Return each line of the data below that contains the string "rectangle".

-------- Dataset records

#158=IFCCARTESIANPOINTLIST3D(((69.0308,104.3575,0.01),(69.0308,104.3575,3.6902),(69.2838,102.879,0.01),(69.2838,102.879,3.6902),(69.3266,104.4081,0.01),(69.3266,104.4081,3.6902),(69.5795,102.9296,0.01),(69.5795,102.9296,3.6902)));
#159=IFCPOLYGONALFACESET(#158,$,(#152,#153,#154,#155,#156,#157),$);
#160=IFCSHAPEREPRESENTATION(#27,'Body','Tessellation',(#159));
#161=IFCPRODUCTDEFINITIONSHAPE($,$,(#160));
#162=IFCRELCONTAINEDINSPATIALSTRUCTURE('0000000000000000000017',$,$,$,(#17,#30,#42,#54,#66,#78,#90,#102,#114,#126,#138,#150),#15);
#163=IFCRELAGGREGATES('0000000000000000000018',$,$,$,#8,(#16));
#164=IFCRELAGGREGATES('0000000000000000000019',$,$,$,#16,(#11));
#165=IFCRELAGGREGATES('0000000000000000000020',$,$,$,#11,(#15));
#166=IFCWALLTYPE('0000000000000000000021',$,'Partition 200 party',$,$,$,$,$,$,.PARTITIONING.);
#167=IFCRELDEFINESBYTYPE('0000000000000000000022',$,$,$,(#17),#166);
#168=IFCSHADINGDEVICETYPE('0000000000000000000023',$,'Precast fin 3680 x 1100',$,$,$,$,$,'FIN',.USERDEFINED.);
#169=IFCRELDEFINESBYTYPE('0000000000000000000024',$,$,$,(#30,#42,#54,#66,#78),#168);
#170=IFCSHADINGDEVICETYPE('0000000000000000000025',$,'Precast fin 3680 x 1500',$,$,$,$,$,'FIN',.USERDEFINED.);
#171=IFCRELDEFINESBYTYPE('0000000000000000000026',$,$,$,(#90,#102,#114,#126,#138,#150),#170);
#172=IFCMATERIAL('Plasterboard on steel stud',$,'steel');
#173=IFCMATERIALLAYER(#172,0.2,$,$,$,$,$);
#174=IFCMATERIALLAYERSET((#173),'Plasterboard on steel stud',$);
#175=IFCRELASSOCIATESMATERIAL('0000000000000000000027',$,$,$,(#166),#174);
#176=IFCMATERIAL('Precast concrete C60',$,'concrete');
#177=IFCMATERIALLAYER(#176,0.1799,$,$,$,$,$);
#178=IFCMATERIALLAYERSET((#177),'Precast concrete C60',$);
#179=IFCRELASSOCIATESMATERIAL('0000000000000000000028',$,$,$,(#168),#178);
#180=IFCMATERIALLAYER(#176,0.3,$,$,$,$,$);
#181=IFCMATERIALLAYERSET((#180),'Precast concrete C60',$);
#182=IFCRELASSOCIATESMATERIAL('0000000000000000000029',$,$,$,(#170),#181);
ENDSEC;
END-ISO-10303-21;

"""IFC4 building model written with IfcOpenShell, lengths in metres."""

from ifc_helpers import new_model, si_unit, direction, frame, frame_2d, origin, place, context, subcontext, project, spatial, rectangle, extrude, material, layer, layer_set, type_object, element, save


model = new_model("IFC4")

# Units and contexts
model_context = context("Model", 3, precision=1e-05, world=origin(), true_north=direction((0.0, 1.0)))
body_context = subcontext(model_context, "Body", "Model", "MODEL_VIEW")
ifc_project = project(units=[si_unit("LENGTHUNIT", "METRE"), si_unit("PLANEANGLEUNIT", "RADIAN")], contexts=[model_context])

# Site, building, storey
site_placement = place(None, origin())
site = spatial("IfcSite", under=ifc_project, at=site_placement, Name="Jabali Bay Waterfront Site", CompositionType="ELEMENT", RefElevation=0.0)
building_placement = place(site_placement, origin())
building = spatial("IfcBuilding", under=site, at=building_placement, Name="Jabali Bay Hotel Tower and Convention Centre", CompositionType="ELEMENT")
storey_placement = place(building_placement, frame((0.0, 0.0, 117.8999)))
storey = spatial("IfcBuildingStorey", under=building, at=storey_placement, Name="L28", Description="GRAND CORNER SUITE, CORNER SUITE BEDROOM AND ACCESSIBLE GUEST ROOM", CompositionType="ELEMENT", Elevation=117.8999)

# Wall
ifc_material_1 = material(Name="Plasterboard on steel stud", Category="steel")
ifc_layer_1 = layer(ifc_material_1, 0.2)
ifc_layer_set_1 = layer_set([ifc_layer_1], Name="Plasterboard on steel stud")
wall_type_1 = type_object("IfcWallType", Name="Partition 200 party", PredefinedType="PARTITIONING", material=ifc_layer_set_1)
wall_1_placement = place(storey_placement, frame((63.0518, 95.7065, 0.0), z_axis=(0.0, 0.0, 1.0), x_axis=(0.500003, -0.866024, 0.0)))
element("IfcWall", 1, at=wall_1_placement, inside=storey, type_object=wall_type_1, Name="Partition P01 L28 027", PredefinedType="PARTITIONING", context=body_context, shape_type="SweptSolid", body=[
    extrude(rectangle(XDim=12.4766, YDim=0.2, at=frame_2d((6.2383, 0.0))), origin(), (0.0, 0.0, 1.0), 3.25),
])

----------------
-------- Dataset records

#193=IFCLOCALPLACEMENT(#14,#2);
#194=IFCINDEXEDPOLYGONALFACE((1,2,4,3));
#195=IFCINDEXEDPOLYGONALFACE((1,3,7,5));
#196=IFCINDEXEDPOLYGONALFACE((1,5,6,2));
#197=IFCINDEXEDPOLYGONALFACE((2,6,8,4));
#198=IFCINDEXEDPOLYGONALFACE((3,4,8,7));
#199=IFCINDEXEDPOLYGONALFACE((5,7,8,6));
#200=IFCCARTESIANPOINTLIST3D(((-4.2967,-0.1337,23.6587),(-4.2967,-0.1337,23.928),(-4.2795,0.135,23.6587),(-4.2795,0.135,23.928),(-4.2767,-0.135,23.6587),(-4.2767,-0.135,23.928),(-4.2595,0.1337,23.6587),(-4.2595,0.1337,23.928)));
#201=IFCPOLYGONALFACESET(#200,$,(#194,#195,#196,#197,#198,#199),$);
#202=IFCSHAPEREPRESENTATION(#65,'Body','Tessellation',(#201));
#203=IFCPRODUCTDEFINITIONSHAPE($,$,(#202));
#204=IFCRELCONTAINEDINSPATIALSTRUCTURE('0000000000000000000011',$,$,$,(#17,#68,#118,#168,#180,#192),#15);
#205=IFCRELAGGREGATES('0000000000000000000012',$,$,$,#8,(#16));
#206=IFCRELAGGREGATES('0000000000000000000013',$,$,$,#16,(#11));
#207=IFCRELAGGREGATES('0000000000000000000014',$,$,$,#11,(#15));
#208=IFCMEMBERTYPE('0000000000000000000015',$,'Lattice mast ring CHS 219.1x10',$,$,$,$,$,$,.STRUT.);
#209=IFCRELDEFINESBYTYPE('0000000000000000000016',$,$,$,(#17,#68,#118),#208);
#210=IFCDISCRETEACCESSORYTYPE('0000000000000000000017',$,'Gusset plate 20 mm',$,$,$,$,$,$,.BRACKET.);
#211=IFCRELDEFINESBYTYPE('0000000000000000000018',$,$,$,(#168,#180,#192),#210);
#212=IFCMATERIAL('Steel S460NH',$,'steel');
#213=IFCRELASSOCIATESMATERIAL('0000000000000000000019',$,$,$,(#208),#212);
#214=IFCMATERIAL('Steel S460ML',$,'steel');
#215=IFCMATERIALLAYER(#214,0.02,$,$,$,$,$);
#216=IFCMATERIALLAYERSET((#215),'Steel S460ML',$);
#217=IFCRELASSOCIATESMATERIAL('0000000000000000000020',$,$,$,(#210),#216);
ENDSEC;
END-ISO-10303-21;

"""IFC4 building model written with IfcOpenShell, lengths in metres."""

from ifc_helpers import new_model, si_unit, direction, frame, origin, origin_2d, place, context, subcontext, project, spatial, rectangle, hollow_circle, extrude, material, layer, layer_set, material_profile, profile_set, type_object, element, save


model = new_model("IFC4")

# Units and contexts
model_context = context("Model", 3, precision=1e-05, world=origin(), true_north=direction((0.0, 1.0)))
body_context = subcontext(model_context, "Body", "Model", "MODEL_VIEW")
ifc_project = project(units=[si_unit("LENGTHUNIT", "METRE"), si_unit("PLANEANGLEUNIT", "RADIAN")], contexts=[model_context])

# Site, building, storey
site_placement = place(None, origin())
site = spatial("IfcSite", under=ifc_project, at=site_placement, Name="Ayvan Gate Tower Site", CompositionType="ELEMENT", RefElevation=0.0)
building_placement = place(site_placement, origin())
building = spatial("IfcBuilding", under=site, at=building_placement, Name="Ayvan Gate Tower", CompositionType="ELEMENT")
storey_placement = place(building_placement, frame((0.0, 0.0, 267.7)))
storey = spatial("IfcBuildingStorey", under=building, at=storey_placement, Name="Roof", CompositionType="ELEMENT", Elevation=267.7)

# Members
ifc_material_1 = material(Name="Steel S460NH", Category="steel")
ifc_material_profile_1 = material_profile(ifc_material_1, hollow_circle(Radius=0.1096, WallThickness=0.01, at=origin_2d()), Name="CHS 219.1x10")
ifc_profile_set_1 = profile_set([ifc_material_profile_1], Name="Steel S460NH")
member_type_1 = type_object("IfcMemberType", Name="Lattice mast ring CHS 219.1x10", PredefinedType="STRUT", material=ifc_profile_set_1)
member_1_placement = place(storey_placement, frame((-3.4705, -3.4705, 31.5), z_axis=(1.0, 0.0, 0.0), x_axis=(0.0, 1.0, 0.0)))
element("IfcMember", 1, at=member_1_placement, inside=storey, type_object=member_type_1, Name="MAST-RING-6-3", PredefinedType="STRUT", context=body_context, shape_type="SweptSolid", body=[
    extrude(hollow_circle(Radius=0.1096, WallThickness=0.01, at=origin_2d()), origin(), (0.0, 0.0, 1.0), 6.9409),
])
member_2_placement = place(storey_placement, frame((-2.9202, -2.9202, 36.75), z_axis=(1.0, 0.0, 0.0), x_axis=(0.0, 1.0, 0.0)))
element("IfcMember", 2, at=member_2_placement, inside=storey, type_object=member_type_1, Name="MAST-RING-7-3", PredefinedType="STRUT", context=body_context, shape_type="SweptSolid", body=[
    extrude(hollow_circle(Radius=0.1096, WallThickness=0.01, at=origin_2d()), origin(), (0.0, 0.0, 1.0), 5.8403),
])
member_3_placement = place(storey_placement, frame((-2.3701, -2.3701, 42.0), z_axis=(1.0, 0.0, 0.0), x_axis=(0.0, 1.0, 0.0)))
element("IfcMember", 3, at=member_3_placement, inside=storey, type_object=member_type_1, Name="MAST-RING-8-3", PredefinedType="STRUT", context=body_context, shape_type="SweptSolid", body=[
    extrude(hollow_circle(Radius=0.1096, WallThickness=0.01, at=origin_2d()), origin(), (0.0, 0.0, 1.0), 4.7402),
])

----------------

* Answer area
from ifc_helpers import new_model, si_unit, direction, frame, frame_2d, origin, place, context, subcontext, project, spatial, rectangle, extrude, material, layer, layer_set, type_object, element, save
    extrude(rectangle(XDim=12.4766, YDim=0.2, at=frame_2d((6.2383, 0.0))), origin(), (0.0, 0.0, 1.0), 3.25),
from ifc_helpers import new_model, si_unit, direction, frame, origin, origin_2d, place, context, subcontext, project, spatial, rectangle, hollow_circle, extrude, material, layer, layer_set, material_profile, profile_set, type_object, element, save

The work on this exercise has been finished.